* _ACTION ITEM_:
Match the word "veneered". Return each line of the data below where it appears.

Stored items
###

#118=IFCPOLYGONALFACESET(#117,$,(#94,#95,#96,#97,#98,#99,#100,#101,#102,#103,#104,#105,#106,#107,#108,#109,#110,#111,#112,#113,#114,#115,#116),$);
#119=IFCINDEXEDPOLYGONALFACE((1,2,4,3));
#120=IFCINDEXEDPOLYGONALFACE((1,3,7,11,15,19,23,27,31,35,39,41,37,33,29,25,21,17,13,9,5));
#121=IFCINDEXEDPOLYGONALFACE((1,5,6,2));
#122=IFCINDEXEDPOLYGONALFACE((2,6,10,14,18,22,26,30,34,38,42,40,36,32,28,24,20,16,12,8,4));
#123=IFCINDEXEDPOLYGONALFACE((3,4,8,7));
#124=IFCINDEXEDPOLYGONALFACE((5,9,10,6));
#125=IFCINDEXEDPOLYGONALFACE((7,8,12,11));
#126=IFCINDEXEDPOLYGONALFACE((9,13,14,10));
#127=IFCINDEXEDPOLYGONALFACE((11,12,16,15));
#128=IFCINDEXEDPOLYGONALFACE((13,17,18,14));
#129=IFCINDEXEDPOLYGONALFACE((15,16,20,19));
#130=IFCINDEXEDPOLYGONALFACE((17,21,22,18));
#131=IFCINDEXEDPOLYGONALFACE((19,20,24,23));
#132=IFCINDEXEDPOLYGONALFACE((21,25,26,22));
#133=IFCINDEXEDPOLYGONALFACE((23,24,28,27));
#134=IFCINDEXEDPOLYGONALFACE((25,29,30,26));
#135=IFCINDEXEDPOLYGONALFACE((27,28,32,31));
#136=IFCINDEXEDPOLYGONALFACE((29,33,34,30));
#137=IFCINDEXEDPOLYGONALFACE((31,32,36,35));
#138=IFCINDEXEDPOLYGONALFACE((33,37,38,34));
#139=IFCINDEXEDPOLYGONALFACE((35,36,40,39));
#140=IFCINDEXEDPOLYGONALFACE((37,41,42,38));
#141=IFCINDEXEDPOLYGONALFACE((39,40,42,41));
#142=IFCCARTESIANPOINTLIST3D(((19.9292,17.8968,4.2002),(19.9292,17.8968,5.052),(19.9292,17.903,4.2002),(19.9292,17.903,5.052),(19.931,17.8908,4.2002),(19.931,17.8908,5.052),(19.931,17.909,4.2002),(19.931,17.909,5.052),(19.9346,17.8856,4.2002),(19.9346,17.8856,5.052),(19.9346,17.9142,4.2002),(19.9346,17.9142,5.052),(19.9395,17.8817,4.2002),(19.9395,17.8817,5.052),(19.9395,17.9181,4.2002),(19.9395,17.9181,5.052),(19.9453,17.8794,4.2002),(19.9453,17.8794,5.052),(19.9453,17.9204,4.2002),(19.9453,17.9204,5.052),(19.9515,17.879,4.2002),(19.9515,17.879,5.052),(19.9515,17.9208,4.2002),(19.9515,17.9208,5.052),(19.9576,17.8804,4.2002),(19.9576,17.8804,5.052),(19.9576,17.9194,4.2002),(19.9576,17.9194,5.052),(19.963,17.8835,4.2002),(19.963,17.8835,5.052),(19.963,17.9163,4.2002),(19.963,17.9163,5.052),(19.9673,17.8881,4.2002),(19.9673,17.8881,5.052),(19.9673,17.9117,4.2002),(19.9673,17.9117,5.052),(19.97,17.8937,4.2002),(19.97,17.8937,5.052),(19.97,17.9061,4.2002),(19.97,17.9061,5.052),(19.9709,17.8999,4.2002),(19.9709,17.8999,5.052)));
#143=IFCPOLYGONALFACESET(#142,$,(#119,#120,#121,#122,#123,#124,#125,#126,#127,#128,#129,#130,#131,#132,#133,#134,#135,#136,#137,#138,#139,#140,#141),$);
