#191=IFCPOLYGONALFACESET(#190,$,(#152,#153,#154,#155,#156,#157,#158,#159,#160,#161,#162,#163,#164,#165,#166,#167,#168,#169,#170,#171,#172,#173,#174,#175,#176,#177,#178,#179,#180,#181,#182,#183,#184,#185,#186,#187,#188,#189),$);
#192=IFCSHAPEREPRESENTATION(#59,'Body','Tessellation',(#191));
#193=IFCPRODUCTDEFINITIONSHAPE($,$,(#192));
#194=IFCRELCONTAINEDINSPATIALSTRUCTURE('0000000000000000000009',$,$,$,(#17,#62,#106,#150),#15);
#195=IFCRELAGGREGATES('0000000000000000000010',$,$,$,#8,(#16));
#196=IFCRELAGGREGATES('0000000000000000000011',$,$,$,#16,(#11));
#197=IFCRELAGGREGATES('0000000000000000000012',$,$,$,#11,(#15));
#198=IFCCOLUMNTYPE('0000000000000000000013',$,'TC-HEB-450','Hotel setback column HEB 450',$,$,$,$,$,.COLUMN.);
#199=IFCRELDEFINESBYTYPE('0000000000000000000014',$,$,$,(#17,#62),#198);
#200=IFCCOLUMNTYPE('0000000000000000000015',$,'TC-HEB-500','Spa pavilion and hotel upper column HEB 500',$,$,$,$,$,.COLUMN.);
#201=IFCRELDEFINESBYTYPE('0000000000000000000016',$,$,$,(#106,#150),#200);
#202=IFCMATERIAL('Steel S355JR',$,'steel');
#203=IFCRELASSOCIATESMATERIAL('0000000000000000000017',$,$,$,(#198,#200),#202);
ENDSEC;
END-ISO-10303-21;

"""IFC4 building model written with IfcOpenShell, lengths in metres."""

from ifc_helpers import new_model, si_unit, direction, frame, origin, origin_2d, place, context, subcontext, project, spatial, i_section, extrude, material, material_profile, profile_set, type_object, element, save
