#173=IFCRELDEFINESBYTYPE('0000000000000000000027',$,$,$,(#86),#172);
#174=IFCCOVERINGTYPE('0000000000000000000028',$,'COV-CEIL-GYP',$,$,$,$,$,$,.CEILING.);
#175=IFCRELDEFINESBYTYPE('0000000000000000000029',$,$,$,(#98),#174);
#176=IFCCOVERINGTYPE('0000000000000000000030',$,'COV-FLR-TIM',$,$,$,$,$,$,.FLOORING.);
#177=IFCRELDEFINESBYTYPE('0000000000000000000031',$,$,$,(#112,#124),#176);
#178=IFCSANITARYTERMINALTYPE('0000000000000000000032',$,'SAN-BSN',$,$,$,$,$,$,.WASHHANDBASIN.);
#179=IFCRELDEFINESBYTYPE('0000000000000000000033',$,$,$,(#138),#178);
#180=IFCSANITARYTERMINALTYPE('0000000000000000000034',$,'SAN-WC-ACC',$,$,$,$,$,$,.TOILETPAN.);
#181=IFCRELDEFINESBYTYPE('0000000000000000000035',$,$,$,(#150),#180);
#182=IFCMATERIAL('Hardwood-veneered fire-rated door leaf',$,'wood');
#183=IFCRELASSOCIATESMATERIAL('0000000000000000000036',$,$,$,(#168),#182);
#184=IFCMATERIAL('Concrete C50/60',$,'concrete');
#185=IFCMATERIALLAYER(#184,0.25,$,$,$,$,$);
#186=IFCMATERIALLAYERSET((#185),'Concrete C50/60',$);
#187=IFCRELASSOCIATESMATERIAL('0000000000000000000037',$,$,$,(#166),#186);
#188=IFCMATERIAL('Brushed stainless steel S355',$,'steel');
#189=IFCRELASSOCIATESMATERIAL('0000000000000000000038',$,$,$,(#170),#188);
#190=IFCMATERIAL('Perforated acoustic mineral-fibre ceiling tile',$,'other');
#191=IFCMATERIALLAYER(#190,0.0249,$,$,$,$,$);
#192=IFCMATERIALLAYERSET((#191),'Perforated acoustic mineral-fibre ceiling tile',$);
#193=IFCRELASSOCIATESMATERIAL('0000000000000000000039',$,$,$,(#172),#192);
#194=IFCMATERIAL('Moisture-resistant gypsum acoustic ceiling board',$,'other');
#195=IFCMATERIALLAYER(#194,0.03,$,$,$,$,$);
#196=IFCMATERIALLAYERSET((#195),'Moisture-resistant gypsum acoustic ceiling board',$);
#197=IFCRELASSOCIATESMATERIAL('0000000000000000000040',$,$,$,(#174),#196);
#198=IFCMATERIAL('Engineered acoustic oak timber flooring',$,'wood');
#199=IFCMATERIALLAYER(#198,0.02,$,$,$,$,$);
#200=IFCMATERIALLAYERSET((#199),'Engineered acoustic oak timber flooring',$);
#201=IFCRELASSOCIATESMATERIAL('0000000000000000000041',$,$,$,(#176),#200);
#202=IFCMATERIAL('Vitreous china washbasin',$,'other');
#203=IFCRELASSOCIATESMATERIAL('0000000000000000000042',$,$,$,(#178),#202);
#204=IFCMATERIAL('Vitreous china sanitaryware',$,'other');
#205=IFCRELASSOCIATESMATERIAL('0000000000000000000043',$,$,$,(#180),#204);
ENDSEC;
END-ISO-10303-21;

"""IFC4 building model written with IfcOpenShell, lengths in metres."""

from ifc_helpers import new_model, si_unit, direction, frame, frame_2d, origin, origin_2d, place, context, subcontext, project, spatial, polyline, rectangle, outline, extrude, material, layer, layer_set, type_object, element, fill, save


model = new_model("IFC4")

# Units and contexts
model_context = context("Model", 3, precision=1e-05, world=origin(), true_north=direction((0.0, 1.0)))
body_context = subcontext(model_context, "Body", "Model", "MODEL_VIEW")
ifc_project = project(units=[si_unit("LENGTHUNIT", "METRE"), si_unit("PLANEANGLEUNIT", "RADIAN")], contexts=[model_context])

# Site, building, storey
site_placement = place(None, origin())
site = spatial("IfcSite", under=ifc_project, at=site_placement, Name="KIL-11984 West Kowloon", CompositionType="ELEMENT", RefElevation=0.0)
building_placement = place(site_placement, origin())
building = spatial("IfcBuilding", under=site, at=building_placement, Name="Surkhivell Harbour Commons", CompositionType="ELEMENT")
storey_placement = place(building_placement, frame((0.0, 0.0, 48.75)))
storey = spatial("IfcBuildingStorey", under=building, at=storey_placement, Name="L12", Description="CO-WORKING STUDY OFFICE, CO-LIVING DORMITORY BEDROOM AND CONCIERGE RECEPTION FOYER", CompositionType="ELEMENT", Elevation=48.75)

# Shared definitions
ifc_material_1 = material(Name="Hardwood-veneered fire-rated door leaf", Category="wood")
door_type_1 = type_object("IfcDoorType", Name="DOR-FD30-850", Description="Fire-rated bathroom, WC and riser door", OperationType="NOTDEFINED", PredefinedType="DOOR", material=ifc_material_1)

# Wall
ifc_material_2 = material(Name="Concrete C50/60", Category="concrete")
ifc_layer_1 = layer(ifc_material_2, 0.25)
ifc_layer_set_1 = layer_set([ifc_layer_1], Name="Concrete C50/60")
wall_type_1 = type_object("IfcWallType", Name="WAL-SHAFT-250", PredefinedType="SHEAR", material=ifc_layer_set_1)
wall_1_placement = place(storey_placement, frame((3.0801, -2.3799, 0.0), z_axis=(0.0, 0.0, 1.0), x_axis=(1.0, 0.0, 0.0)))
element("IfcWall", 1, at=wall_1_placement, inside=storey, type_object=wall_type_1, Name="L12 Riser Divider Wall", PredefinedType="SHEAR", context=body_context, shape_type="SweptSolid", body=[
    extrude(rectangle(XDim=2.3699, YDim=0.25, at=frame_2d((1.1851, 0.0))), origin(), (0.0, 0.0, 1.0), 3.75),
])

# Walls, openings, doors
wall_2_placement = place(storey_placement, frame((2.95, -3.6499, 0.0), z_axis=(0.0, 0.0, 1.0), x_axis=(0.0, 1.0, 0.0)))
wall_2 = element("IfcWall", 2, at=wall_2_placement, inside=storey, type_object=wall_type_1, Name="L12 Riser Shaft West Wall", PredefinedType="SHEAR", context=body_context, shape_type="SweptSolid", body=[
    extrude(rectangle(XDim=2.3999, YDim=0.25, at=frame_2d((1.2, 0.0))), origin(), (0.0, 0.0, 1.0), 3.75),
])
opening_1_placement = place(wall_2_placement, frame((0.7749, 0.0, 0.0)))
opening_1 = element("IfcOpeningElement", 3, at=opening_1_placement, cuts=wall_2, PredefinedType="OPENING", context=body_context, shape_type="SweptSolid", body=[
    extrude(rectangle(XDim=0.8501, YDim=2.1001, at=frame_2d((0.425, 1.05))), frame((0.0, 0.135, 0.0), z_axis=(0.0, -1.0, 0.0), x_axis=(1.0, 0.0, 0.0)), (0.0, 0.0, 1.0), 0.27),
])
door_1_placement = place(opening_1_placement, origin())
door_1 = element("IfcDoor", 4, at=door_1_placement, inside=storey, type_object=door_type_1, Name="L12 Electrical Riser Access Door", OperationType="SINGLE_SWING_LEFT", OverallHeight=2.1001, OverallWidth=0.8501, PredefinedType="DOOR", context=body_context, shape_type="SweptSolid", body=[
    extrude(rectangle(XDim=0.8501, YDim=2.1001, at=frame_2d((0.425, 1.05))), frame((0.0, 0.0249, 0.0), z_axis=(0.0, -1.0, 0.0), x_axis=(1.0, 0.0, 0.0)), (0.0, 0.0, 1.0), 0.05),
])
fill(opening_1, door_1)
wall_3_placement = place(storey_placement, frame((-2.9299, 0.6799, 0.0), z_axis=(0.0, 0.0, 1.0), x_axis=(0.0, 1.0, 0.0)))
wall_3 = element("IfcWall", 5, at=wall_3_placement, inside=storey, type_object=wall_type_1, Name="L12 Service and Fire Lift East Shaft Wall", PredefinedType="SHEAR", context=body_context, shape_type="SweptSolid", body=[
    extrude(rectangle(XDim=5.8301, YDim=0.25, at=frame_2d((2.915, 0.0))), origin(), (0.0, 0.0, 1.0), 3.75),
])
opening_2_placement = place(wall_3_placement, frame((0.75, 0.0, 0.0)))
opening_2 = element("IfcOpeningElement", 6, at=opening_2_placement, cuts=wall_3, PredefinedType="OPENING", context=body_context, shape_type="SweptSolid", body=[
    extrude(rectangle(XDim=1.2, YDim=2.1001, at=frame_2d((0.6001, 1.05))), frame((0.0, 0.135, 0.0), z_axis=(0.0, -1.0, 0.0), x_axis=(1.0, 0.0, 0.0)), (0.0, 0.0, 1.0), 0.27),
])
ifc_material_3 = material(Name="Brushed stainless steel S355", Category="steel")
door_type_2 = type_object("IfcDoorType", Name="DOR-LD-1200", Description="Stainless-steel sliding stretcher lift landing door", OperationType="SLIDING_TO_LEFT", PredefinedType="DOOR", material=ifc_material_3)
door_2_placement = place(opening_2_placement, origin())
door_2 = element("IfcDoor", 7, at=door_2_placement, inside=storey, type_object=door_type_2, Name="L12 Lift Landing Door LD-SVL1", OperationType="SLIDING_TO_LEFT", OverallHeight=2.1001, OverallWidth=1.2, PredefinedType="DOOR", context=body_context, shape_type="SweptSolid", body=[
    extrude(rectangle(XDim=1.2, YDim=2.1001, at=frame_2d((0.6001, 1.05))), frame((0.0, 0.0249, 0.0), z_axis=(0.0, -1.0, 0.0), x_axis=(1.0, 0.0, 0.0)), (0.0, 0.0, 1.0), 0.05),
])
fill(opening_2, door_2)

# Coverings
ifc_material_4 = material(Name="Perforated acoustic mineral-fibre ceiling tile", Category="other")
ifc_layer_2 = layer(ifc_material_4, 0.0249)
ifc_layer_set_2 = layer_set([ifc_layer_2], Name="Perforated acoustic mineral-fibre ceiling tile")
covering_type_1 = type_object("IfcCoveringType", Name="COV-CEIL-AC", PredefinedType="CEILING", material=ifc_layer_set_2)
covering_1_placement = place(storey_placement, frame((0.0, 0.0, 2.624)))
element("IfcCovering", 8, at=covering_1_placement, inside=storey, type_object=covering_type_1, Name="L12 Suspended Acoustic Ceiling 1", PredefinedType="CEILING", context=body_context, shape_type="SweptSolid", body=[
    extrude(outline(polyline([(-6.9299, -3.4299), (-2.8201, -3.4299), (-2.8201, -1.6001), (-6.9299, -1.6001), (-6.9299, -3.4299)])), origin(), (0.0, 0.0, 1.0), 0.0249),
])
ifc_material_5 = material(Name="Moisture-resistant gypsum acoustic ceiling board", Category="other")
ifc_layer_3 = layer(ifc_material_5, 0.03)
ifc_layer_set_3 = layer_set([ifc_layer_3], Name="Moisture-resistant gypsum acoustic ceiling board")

###

* _EXERCISE OUTPUT_:
#182=IFCMATERIAL('Hardwood-veneered fire-rated door leaf',$,'wood');
ifc_material_1 = material(Name="Hardwood-veneered fire-rated door leaf", Category="wood")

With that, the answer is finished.